→ What you have to do: Of all the lines in the records below, copy only those that contain the string "IFCRELASSOCIATESMATERIAL".
### Input records
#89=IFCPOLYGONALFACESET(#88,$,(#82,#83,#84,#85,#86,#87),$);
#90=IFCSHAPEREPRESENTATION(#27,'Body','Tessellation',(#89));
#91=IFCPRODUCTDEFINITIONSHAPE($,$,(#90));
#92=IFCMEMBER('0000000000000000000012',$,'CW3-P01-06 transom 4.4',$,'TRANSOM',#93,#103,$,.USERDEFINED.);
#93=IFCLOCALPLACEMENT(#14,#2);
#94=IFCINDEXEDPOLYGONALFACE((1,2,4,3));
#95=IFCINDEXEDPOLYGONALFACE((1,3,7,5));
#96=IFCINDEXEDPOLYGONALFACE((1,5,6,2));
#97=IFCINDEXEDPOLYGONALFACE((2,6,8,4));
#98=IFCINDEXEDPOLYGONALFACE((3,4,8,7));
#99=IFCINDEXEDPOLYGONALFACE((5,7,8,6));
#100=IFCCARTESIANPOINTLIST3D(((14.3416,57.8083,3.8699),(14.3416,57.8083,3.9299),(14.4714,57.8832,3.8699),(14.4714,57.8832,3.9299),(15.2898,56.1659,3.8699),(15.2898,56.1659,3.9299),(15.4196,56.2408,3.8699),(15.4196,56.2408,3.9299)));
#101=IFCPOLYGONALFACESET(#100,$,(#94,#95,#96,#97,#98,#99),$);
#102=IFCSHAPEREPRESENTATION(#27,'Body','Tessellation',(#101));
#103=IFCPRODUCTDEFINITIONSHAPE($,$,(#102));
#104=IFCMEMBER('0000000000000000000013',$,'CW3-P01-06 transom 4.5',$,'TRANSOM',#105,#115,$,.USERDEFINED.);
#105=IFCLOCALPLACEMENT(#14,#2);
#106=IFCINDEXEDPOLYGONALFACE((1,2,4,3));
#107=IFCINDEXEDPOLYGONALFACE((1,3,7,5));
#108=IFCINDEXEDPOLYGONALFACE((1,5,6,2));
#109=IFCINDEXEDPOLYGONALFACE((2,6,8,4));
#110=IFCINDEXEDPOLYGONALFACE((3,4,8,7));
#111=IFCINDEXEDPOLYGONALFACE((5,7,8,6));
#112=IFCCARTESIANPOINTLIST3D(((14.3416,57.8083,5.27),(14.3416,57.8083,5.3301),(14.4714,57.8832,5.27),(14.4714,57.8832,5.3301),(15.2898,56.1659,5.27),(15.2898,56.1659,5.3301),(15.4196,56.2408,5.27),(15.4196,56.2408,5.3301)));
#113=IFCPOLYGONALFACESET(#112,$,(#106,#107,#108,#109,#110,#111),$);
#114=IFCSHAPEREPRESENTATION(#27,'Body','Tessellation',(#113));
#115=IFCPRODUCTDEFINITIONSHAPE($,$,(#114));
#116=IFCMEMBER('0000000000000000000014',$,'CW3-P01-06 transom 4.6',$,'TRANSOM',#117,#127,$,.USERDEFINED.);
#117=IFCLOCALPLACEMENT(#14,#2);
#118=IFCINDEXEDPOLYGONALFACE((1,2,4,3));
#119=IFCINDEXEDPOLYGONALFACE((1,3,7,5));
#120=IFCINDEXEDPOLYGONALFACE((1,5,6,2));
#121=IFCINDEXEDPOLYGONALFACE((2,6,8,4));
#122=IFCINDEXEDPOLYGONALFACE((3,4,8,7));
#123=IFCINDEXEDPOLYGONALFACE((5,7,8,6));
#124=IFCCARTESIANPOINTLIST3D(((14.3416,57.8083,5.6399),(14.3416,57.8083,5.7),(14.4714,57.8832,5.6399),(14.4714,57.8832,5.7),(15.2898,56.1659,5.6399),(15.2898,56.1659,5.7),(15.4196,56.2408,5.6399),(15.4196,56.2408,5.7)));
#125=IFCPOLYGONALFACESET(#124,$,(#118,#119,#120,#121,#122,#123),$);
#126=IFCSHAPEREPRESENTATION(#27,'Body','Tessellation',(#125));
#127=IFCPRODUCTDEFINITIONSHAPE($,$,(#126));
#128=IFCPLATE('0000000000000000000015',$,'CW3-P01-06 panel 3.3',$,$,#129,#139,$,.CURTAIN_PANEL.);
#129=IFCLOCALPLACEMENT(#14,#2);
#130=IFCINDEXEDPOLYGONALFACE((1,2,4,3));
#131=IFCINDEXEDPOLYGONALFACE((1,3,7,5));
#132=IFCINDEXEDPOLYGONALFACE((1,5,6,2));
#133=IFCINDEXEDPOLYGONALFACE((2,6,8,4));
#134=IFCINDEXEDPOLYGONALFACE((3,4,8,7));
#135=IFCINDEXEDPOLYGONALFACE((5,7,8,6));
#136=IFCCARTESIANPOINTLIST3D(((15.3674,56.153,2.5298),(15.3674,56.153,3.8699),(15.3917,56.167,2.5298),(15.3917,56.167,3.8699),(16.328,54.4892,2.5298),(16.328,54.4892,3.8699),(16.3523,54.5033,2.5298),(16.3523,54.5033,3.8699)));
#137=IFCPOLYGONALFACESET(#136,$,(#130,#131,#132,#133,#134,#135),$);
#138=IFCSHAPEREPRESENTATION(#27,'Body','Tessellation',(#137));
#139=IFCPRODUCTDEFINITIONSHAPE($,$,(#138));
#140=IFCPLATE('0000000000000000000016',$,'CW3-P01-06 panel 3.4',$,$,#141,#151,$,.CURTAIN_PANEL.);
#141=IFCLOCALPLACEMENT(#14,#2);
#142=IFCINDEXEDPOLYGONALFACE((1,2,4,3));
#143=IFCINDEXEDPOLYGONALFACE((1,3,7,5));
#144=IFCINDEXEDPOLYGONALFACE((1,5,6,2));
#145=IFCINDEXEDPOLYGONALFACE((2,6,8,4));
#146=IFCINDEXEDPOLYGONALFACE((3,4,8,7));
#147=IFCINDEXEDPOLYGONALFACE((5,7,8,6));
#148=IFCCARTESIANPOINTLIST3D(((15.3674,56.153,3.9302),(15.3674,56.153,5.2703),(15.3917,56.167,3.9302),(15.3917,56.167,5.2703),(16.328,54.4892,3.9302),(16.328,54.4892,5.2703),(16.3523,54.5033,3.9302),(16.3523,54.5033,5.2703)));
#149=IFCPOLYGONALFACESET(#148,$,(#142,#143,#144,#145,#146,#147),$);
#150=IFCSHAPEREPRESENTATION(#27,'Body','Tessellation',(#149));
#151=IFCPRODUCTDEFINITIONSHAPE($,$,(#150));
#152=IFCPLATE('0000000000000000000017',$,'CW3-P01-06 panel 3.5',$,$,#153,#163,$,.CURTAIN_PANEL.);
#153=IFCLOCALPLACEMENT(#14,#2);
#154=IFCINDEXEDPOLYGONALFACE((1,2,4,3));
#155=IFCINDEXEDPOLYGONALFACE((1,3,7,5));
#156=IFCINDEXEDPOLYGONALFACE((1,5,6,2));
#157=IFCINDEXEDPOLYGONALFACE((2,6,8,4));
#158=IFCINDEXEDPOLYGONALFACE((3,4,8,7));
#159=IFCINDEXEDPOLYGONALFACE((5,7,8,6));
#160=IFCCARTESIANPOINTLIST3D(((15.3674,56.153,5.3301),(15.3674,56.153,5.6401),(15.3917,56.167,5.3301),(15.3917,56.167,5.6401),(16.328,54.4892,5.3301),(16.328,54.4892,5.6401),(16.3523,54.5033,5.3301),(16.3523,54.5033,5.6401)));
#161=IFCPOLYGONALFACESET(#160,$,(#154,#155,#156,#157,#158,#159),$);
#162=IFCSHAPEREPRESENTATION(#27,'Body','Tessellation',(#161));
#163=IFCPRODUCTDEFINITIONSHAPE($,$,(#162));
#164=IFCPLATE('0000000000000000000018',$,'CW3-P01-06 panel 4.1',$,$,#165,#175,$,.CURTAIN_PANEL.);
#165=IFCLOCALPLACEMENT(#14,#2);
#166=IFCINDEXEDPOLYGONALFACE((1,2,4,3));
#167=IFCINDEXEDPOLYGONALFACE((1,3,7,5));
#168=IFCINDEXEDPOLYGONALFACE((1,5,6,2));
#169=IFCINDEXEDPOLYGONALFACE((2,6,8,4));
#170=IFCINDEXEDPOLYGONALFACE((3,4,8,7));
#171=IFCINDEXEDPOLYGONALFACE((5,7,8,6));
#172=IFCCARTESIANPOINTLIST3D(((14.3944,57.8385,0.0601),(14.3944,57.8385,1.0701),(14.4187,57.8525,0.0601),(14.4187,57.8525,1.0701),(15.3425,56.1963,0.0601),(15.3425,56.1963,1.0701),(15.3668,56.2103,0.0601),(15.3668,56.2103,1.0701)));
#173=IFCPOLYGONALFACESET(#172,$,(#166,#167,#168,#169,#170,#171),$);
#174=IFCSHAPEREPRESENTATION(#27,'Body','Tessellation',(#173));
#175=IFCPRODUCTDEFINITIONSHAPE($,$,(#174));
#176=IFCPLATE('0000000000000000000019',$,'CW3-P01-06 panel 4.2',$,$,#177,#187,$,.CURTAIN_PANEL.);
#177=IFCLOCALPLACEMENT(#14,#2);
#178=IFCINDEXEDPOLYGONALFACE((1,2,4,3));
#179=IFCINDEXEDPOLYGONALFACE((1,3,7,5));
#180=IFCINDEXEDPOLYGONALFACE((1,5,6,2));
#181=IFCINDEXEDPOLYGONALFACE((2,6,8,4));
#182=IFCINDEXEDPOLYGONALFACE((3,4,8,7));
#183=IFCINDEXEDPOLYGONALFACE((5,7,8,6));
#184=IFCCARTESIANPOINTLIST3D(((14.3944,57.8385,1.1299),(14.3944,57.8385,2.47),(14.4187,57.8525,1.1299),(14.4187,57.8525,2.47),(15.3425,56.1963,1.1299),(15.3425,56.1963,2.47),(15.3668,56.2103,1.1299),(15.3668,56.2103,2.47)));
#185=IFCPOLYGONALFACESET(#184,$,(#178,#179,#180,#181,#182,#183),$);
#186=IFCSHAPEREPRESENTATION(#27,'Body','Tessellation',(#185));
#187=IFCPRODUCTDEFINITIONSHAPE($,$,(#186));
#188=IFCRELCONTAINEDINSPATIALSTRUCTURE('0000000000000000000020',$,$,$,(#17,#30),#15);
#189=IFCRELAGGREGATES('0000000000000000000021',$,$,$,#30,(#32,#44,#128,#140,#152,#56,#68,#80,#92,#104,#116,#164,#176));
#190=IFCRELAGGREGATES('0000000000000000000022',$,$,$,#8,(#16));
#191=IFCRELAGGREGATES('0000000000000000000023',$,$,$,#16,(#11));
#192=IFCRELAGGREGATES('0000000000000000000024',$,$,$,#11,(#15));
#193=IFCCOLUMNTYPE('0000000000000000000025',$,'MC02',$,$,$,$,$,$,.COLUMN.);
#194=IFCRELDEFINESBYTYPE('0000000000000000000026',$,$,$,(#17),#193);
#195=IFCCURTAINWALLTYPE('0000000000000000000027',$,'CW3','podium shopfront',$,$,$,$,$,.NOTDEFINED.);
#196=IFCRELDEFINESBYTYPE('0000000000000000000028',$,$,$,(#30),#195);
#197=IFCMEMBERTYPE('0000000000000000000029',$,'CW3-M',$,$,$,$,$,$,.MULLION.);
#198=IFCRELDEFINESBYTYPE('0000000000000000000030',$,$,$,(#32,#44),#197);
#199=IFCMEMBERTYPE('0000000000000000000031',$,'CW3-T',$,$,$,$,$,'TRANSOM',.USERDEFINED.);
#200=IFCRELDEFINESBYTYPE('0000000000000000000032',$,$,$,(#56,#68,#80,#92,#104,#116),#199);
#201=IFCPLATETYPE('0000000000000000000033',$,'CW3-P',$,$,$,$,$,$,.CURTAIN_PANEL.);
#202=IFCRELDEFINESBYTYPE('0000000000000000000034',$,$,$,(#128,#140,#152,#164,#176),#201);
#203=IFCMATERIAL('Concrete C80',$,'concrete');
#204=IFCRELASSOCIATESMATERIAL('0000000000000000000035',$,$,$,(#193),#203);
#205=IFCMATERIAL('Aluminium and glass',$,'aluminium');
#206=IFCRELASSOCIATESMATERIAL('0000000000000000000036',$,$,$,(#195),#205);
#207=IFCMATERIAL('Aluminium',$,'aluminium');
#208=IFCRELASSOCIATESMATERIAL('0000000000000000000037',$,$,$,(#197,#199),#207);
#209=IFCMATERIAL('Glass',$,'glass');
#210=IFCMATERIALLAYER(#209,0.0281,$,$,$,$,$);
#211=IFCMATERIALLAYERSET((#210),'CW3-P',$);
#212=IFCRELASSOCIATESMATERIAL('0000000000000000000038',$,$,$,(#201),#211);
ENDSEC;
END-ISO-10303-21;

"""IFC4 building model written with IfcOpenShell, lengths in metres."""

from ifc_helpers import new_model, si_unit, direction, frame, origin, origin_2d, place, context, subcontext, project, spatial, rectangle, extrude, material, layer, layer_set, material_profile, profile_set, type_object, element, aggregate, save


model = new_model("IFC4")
######
→ Output for this exercise:
#204=IFCRELASSOCIATESMATERIAL('0000000000000000000035',$,$,$,(#193),#203);
#206=IFCRELASSOCIATESMATERIAL('0000000000000000000036',$,$,$,(#195),#205);
#208=IFCRELASSOCIATESMATERIAL('0000000000000000000037',$,$,$,(#197,#199),#207);
#212=IFCRELASSOCIATESMATERIAL('0000000000000000000038',$,$,$,(#201),#211);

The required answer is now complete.